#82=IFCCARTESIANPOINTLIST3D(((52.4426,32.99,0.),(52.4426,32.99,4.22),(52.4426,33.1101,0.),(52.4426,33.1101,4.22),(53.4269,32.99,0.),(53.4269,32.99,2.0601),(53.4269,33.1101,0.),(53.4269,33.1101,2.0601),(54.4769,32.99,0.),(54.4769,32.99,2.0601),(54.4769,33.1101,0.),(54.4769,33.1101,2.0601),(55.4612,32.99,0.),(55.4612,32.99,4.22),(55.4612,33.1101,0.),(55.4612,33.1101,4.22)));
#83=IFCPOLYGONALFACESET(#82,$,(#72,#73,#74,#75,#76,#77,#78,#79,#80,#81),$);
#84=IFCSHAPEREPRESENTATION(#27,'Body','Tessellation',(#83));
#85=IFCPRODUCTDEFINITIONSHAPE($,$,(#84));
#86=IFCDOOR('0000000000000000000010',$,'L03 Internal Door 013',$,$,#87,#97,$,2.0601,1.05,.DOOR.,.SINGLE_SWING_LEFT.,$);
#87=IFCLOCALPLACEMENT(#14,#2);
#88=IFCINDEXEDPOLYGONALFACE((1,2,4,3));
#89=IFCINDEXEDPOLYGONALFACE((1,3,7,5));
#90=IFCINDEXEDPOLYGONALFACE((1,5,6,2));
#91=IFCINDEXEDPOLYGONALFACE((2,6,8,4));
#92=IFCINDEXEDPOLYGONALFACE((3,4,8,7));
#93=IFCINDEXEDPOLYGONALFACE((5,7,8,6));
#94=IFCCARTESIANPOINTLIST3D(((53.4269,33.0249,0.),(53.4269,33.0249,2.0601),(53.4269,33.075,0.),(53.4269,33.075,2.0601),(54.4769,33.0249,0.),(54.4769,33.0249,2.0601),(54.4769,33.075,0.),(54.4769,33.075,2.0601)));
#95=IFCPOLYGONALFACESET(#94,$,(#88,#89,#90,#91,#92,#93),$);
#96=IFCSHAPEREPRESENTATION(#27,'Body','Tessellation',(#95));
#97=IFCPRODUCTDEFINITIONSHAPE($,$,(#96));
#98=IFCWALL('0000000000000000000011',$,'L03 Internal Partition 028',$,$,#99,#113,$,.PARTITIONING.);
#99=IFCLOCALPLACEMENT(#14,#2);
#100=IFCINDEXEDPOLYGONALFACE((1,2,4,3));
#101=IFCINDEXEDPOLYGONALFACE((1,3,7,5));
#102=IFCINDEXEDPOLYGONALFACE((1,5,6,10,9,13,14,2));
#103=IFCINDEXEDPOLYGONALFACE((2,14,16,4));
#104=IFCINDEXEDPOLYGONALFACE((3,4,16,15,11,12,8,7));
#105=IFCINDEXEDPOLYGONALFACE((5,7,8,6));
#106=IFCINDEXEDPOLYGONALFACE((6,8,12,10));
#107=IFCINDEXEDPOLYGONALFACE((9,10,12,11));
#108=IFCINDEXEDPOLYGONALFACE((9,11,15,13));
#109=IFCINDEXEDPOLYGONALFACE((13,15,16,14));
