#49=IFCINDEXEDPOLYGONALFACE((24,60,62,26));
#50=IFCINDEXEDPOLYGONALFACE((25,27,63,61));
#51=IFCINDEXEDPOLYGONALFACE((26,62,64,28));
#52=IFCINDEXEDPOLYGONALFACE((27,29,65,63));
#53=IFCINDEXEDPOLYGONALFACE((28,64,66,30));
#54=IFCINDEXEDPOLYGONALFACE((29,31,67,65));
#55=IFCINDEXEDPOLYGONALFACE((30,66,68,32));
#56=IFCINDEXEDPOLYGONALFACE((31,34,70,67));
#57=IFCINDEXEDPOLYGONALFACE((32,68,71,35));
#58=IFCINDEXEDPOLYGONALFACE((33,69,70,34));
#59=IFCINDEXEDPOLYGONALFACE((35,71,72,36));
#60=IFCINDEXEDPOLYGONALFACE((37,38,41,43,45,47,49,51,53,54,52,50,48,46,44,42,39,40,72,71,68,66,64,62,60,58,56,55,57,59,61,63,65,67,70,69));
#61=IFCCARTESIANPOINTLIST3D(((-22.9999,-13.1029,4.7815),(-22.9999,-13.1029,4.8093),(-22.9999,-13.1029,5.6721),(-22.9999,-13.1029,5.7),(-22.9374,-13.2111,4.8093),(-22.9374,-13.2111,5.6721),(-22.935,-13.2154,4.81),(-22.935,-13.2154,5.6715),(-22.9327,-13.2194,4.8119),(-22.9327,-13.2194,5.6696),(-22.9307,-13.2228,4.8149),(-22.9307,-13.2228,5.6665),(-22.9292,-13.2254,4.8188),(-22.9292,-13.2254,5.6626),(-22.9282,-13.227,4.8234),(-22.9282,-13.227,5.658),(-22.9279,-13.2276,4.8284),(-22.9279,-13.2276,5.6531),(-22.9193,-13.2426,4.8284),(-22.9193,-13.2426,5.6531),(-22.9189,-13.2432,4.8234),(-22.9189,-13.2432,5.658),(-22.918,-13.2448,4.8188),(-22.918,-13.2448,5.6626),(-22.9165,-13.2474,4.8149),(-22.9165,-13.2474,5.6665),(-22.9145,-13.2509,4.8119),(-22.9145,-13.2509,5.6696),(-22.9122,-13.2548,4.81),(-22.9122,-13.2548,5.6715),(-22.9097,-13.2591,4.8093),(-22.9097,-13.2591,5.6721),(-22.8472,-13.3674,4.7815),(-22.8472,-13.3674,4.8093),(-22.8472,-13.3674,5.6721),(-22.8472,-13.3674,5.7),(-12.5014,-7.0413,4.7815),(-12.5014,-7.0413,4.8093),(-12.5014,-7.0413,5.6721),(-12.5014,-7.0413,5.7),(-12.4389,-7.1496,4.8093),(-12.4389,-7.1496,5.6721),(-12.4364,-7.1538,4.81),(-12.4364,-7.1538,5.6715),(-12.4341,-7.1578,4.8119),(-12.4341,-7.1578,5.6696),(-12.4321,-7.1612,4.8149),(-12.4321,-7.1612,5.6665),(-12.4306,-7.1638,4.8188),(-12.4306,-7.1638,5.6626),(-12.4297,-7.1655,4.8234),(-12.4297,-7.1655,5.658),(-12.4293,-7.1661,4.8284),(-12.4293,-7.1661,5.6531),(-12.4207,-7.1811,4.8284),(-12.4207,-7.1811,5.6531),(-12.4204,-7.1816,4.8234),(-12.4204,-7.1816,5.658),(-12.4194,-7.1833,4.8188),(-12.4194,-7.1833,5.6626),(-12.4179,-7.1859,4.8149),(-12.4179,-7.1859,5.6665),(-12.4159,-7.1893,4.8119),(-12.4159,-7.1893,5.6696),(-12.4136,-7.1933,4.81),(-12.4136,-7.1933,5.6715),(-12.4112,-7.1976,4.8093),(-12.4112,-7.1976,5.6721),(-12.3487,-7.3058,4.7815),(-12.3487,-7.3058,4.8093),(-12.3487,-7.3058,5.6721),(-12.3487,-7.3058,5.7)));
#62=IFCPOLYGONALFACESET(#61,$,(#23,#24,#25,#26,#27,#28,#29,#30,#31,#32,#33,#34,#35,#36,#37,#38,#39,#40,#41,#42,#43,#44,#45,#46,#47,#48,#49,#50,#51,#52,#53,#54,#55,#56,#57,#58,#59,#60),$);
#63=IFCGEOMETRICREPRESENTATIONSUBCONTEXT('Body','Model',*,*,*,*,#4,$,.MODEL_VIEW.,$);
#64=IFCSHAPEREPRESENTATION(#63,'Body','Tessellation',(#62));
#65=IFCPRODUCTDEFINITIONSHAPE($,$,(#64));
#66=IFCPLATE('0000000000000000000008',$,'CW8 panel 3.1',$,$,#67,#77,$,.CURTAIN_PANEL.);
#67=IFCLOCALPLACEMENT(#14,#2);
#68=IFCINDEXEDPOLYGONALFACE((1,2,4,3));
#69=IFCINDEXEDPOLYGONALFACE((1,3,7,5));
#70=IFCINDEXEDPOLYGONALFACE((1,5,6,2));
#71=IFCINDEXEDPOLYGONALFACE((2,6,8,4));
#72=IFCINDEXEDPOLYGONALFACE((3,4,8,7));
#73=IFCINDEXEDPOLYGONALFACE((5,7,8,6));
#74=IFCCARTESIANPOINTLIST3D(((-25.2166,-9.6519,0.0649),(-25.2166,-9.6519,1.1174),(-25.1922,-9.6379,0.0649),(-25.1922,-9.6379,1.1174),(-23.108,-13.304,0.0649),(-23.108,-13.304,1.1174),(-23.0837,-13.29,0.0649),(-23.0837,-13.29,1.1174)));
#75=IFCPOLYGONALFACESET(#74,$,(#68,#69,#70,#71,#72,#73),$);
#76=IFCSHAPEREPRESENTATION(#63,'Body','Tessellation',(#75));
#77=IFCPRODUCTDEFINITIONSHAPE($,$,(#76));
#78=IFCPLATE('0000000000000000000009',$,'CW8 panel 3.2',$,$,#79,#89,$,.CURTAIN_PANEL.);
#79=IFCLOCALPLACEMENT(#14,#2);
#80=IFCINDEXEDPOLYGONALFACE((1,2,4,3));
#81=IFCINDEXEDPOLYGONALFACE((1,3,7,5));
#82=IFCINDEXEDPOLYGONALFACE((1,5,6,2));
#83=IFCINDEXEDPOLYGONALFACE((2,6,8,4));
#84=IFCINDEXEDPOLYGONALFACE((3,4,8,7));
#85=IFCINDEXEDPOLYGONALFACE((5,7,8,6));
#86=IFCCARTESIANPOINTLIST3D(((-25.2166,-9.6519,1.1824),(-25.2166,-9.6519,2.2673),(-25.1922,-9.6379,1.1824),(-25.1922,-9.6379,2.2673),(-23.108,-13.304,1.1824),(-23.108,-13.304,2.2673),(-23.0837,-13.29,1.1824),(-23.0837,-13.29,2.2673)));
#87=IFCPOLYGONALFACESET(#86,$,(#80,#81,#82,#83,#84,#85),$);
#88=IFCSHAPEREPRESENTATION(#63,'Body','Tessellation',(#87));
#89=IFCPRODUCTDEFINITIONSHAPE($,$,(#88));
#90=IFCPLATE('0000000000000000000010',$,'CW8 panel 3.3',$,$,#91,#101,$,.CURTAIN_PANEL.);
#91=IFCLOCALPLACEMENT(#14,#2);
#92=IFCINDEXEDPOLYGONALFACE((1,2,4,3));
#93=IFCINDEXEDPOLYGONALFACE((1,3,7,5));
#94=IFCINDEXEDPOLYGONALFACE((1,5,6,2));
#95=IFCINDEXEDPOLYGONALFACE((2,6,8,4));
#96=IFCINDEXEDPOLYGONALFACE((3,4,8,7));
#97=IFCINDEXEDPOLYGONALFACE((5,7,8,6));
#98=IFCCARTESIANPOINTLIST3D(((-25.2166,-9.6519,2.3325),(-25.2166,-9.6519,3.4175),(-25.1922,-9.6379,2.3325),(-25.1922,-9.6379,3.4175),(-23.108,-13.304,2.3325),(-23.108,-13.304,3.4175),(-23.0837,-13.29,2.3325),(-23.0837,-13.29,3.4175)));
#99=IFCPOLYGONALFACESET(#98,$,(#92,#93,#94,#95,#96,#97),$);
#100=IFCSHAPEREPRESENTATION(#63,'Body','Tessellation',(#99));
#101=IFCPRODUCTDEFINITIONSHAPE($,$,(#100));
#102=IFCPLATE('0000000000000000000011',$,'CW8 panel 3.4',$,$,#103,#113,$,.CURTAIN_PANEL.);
━━━━━━
- _The problem_
Each line in the data that holds the string "Body" should be found and copied.

- _Solution for this exercise_
#84=IFCSHAPEREPRESENTATION(#27,'Body','Tessellation',(#83));
#96=IFCSHAPEREPRESENTATION(#27,'Body','Tessellation',(#95));
#63=IFCGEOMETRICREPRESENTATIONSUBCONTEXT('Body','Model',*,*,*,*,#4,$,.MODEL_VIEW.,$);
#64=IFCSHAPEREPRESENTATION(#63,'Body','Tessellation',(#62));
#76=IFCSHAPEREPRESENTATION(#63,'Body','Tessellation',(#75));
#88=IFCSHAPEREPRESENTATION(#63,'Body','Tessellation',(#87));
#100=IFCSHAPEREPRESENTATION(#63,'Body','Tessellation',(#99));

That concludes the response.